* Your objective *
When the line containing "#14=IFCLOCALPLACEMENT(#10,#13);" appears in the data below, begin copying there and stop only after the line containing "#16=IFCSITE('0000000000000000000004',$,'King Fahd Road".

* Input data *
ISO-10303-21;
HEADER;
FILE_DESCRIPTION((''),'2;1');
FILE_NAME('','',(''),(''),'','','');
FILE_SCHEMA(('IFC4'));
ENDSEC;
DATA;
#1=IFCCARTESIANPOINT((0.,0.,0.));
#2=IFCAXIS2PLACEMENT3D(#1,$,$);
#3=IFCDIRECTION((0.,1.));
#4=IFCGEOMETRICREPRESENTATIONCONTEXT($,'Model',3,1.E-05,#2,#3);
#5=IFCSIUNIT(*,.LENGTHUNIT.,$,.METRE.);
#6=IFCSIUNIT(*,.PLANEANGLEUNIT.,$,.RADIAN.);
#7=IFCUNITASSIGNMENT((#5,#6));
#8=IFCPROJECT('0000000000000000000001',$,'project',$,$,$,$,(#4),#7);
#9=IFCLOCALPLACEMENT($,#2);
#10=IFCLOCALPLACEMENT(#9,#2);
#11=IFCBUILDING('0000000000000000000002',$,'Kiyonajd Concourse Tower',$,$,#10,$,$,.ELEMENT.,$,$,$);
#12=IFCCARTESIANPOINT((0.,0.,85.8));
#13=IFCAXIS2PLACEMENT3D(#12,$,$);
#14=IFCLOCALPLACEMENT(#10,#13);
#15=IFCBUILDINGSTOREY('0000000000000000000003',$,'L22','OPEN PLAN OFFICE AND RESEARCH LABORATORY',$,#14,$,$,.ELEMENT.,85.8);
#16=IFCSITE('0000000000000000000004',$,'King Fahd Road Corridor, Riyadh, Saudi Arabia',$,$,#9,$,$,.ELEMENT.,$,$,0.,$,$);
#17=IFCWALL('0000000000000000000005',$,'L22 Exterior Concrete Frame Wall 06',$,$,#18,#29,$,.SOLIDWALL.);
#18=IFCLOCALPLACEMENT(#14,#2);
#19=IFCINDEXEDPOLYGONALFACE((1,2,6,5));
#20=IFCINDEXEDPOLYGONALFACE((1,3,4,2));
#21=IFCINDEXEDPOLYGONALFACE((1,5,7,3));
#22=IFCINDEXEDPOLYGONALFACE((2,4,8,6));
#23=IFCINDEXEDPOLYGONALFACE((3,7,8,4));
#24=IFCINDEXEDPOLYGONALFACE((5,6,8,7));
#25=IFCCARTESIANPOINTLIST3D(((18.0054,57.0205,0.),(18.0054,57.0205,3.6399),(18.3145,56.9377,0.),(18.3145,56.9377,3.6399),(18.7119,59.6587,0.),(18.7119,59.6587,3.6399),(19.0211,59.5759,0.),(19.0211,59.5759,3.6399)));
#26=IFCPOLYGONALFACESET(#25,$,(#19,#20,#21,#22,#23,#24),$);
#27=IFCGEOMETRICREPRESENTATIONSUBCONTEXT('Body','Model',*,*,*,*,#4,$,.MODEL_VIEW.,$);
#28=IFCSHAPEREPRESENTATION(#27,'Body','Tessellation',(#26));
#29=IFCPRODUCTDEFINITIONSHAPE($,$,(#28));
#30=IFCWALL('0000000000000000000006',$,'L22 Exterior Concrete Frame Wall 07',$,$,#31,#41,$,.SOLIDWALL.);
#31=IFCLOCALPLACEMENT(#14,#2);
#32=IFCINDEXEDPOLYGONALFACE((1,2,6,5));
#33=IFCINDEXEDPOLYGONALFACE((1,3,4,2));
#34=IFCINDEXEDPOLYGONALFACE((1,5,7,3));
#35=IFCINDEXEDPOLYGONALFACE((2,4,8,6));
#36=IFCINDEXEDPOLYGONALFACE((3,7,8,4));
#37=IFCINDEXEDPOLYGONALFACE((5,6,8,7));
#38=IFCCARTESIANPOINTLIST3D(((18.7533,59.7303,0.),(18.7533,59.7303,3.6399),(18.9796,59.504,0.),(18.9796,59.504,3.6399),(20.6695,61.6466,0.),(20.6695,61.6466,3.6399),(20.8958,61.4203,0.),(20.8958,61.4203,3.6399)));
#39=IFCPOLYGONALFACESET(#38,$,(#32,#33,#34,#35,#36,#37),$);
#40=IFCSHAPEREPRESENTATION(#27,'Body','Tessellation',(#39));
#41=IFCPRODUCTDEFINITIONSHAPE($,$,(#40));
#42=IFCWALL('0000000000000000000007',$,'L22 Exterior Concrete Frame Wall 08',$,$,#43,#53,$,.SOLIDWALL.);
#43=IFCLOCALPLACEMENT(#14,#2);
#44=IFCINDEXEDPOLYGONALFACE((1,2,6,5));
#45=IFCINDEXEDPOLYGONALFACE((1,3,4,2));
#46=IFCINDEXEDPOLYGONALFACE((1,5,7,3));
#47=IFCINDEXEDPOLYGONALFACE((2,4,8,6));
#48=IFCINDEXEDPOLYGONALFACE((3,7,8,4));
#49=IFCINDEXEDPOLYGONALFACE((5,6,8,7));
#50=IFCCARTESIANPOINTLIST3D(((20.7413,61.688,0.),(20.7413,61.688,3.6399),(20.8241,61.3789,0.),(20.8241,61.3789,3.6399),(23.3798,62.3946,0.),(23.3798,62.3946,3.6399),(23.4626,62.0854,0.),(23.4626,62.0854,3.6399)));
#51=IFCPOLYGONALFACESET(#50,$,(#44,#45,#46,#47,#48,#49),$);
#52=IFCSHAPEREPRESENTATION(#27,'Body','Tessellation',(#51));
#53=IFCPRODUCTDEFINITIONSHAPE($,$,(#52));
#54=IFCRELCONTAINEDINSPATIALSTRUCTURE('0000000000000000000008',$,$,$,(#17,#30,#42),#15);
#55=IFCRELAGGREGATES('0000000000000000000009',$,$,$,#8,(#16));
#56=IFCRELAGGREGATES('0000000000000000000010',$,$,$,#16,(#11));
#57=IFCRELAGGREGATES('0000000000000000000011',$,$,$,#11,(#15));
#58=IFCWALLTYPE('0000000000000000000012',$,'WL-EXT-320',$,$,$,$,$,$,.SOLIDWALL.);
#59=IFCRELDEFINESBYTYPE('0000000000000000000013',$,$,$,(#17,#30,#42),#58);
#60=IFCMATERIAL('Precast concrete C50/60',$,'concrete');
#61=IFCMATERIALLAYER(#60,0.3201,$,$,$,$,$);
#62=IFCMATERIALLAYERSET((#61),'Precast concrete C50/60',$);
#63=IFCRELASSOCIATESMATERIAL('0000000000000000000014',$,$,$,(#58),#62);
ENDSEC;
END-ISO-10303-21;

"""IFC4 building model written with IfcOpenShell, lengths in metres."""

from ifc_helpers import new_model, si_unit, direction, frame, frame_2d, origin, place, context, subcontext, project, spatial, rectangle, extrude, material, layer, layer_set, type_object, element, save


model = new_model("IFC4")

# Units and contexts
model_context = context("Model", 3, precision=1e-05, world=origin(), true_north=direction((0.0, 1.0)))
body_context = subcontext(model_context, "Body", "Model", "MODEL_VIEW")
ifc_project = project(units=[si_unit("LENGTHUNIT", "METRE"), si_unit("PLANEANGLEUNIT", "RADIAN")], contexts=[model_context])

# Site, building, storey
site_placement = place(None, origin())
site = spatial("IfcSite", under=ifc_project, at=site_placement, Name="King Fahd Road Corridor, Riyadh, Saudi Arabia", CompositionType="ELEMENT", RefElevation=0.0)
building_placement = place(site_placement, origin())
building = spatial("IfcBuilding", under=site, at=building_placement, Name="Kiyonajd Concourse Tower", CompositionType="ELEMENT")
storey_placement = place(building_placement, frame((0.0, 0.0, 85.8)))
storey = spatial("IfcBuildingStorey", under=building, at=storey_placement, Name="L22", Description="OPEN PLAN OFFICE AND RESEARCH LABORATORY", CompositionType="ELEMENT", Elevation=85.8)

# Shared definitions
ifc_material_1 = material(Name="Precast concrete C50/60", Category="concrete")

# Walls
ifc_layer_1 = layer(ifc_material_1, 0.3201)
ifc_layer_set_1 = layer_set([ifc_layer_1], Name="Precast concrete C50/60")
wall_type = type_object("IfcWallType", Name="WL-EXT-320", PredefinedType="SOLIDWALL", material=ifc_layer_set_1)
wall_1_placement = place(storey_placement, frame((18.1599, 56.979, 0.0), z_axis=(0.0, 0.0, 1.0), x_axis=(0.258697, 0.965958, 0.0)))
element("IfcWall", 1, at=wall_1_placement, inside=storey, type_object=wall_type, Name="L22 Exterior Concrete Frame Wall 06", PredefinedType="SOLIDWALL", context=body_context, shape_type="SweptSolid", body=[
    extrude(rectangle(XDim=2.7312, YDim=0.3201, at=frame_2d((1.3657, 0.0))), origin(), (0.0, 0.0, 1.0), 3.6399),
])
wall_2_placement = place(storey_placement, frame((18.8665, 59.6172, 0.0), z_axis=(0.0, 0.0, 1.0), x_axis=(0.707107, 0.707107, 0.0)))
element("IfcWall", 2, at=wall_2_placement, inside=storey, type_object=wall_type, Name="L22 Exterior Concrete Frame Wall 07", PredefinedType="SOLIDWALL", context=body_context, shape_type="SweptSolid", body=[
    extrude(rectangle(XDim=2.71, YDim=0.3201, at=frame_2d((1.355, 0.0))), origin(), (0.0, 0.0, 1.0), 3.6399),
])
wall_3_placement = place(storey_placement, frame((20.7827, 61.5334, 0.0), z_axis=(0.0, 0.0, 1.0), x_axis=(0.965964, 0.258675, 0.0)))
element("IfcWall", 3, at=wall_3_placement, inside=storey, type_object=wall_type, Name="L22 Exterior Concrete Frame Wall 08", PredefinedType="SOLIDWALL", context=body_context, shape_type="SweptSolid", body=[
    extrude(rectangle(XDim=2.7314, YDim=0.3201, at=frame_2d((1.3657, 0.0))), origin(), (0.0, 0.0, 1.0), 3.6399),
])

save(model, "model.ifc")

* Answer to this exercise *
#14=IFCLOCALPLACEMENT(#10,#13);
#15=IFCBUILDINGSTOREY('0000000000000000000003',$,'L22','OPEN PLAN OFFICE AND RESEARCH LABORATORY',$,#14,$,$,.ELEMENT.,85.8);
#16=IFCSITE('0000000000000000000004',$,'King Fahd Road Corridor, Riyadh, Saudi Arabia',$,$,#9,$,$,.ELEMENT.,$,$,0.,$,$);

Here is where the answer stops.